(Stored data)
-=-=-

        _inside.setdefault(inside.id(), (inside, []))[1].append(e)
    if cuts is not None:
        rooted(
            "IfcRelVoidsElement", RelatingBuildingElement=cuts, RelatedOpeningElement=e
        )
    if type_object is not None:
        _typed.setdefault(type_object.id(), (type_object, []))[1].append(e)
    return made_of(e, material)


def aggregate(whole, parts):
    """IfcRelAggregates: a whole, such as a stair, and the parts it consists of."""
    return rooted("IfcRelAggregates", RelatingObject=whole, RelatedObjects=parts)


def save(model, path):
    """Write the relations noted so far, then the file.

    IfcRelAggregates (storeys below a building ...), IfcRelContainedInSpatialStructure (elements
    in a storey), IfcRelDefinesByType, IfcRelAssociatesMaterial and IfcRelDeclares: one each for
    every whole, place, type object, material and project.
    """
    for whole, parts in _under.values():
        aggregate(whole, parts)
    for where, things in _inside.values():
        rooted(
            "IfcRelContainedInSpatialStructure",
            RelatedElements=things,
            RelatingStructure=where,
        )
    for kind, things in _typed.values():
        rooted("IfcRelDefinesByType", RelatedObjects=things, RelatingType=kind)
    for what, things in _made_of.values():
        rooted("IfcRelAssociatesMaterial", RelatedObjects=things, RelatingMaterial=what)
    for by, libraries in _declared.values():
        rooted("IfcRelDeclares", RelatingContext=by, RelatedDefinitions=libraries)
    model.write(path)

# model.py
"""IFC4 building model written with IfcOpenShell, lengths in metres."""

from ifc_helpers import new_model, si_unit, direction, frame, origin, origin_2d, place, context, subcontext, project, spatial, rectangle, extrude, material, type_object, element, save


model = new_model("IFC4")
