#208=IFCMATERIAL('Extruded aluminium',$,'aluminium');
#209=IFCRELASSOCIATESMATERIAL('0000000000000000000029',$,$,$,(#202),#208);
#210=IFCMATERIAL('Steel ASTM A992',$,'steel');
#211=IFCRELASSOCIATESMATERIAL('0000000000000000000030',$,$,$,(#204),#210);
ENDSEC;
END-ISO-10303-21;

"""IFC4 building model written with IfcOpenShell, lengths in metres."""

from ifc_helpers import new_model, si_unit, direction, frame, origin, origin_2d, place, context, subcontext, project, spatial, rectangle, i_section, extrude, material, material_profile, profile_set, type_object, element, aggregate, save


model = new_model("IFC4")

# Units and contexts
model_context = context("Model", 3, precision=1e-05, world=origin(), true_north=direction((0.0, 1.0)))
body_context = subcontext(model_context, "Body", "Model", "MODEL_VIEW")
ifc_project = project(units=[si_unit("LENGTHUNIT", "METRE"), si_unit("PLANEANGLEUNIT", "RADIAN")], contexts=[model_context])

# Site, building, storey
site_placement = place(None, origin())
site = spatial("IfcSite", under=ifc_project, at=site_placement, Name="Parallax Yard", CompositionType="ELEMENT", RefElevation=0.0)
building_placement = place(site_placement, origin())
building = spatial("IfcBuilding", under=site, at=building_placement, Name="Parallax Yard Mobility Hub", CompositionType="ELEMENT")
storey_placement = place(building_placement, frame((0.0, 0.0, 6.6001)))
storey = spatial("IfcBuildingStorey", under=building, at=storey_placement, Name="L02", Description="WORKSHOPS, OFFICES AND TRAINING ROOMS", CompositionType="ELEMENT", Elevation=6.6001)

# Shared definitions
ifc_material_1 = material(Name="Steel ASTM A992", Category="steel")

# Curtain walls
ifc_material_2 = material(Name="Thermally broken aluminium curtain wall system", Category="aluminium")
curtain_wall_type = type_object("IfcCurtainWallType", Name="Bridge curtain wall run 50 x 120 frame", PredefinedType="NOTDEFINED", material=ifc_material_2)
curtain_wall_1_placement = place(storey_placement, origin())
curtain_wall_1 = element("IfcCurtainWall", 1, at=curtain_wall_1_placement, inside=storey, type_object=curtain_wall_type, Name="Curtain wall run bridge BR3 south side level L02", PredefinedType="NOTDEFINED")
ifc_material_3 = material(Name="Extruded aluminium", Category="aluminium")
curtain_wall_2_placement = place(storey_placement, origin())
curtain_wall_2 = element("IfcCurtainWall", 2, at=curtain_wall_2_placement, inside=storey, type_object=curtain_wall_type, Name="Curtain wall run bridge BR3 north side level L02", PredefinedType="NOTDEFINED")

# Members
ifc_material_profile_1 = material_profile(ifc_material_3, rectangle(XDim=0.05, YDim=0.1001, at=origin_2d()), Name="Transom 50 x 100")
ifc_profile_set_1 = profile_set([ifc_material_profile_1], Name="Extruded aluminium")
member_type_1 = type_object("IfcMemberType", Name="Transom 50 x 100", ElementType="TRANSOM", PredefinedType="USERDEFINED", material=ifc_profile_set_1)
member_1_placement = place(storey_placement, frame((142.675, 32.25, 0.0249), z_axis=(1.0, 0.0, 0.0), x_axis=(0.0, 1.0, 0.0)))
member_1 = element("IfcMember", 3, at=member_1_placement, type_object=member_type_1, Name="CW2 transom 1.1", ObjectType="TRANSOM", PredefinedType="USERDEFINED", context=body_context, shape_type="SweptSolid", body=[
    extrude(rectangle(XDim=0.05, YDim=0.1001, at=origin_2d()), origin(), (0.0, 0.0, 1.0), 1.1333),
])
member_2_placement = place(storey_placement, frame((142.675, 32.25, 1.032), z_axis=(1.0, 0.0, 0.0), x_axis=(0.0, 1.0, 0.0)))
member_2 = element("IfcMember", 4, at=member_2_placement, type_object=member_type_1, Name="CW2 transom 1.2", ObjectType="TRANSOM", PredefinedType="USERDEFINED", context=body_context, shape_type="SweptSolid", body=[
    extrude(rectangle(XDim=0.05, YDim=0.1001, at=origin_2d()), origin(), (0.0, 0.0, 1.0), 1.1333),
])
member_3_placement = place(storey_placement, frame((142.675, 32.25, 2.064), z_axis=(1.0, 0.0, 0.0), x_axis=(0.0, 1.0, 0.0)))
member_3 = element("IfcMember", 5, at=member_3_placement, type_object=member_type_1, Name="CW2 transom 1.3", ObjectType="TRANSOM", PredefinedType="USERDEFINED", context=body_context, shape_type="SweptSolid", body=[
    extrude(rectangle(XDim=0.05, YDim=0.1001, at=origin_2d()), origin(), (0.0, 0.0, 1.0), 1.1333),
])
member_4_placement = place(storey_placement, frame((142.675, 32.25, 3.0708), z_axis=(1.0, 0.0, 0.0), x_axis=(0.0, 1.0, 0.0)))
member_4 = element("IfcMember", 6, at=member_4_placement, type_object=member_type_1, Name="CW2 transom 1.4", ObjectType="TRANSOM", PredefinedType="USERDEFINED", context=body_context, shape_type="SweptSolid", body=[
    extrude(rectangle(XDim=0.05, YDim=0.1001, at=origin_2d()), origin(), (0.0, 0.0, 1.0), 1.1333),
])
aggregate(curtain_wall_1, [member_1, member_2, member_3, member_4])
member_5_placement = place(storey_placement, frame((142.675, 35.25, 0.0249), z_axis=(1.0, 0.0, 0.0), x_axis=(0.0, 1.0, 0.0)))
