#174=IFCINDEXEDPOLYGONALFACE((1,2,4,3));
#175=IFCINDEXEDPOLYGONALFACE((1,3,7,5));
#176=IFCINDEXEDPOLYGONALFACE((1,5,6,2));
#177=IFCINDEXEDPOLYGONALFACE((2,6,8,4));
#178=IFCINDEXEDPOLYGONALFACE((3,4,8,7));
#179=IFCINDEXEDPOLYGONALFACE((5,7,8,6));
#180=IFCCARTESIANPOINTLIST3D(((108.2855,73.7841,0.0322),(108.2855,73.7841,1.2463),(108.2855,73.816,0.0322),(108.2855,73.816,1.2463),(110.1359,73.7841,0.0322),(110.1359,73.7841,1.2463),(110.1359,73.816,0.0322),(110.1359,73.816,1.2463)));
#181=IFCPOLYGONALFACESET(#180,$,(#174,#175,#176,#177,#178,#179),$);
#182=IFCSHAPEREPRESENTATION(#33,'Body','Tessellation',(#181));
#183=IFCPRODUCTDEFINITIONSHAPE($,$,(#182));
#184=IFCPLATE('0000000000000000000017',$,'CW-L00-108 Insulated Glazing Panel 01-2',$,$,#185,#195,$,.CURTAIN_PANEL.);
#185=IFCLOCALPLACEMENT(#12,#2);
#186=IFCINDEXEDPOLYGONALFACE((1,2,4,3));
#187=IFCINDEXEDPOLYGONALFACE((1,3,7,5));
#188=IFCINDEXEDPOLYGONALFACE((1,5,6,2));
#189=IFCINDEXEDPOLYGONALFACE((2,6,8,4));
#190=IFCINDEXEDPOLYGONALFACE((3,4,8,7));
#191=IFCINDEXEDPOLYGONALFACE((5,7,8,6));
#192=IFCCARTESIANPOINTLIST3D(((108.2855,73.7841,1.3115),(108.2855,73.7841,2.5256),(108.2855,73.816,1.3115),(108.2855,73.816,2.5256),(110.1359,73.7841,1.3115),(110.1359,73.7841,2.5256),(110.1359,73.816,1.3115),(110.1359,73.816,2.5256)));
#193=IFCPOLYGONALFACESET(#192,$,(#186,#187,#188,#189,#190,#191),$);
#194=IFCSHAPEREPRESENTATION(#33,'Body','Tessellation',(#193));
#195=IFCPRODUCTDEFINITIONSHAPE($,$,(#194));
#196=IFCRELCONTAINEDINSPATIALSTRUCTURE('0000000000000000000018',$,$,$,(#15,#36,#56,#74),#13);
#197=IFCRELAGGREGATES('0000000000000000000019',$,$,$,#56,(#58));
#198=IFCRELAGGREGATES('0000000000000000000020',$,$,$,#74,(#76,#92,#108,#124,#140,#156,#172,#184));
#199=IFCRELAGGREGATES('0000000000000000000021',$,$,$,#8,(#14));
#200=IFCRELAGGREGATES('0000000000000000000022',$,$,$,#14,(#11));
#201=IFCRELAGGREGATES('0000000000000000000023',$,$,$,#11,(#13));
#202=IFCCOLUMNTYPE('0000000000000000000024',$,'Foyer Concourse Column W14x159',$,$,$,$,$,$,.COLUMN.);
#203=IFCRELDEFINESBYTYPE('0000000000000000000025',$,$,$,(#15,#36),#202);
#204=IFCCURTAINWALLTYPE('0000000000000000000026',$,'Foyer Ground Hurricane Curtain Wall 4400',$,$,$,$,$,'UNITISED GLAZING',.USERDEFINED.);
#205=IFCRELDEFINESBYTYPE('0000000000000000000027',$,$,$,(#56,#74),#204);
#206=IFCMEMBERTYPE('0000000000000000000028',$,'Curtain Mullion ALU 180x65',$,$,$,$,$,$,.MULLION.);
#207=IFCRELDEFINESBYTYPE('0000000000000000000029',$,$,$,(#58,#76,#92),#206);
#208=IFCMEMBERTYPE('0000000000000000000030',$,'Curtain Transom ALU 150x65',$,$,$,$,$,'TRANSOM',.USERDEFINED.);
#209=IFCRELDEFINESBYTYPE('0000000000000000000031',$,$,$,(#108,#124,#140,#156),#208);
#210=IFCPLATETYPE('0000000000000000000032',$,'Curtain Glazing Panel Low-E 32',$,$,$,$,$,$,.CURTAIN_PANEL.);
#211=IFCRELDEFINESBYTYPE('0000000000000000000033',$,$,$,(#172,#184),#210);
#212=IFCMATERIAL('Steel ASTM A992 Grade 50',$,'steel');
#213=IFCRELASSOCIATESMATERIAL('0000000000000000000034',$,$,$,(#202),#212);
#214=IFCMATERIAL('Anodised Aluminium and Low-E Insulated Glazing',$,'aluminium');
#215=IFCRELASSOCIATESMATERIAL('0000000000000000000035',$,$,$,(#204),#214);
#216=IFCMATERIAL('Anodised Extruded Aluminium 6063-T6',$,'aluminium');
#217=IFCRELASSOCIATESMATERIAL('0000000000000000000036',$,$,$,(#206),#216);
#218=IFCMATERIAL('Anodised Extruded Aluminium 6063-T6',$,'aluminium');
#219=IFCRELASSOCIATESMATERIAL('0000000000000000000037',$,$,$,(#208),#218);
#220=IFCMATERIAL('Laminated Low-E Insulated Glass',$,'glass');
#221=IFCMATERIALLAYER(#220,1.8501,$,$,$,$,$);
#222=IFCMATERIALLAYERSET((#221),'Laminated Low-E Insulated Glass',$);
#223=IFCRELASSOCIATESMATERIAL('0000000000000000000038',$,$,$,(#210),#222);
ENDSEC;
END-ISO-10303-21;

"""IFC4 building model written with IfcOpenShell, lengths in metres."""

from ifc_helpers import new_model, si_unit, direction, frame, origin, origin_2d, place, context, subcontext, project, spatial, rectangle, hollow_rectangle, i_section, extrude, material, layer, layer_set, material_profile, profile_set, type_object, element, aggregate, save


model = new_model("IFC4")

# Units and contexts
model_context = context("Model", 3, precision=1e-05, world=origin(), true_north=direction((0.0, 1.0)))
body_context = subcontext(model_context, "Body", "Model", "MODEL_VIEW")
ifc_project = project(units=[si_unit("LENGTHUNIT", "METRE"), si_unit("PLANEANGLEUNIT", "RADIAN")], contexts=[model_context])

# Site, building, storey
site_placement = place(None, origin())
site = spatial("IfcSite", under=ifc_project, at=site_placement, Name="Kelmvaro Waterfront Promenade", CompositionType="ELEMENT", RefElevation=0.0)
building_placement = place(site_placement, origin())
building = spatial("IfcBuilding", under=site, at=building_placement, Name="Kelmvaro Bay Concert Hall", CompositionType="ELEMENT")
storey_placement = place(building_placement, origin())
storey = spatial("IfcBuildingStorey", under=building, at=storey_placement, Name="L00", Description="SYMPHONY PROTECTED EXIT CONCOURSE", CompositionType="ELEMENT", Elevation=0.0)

-=-=-

- [TASK STATEMENT] Show all lines from the data that contain "SweptSolid".

- [TASK RESPONSE]
member_1 = element("IfcMember", 3, at=member_1_placement, type_object=member_type_1, Name="CW2 transom 1.1", ObjectType="TRANSOM", PredefinedType="USERDEFINED", context=body_context, shape_type="SweptSolid", body=[
member_2 = element("IfcMember", 4, at=member_2_placement, type_object=member_type_1, Name="CW2 transom 1.2", ObjectType="TRANSOM", PredefinedType="USERDEFINED", context=body_context, shape_type="SweptSolid", body=[
member_3 = element("IfcMember", 5, at=member_3_placement, type_object=member_type_1, Name="CW2 transom 1.3", ObjectType="TRANSOM", PredefinedType="USERDEFINED", context=body_context, shape_type="SweptSolid", body=[
member_4 = element("IfcMember", 6, at=member_4_placement, type_object=member_type_1, Name="CW2 transom 1.4", ObjectType="TRANSOM", PredefinedType="USERDEFINED", context=body_context, shape_type="SweptSolid", body=[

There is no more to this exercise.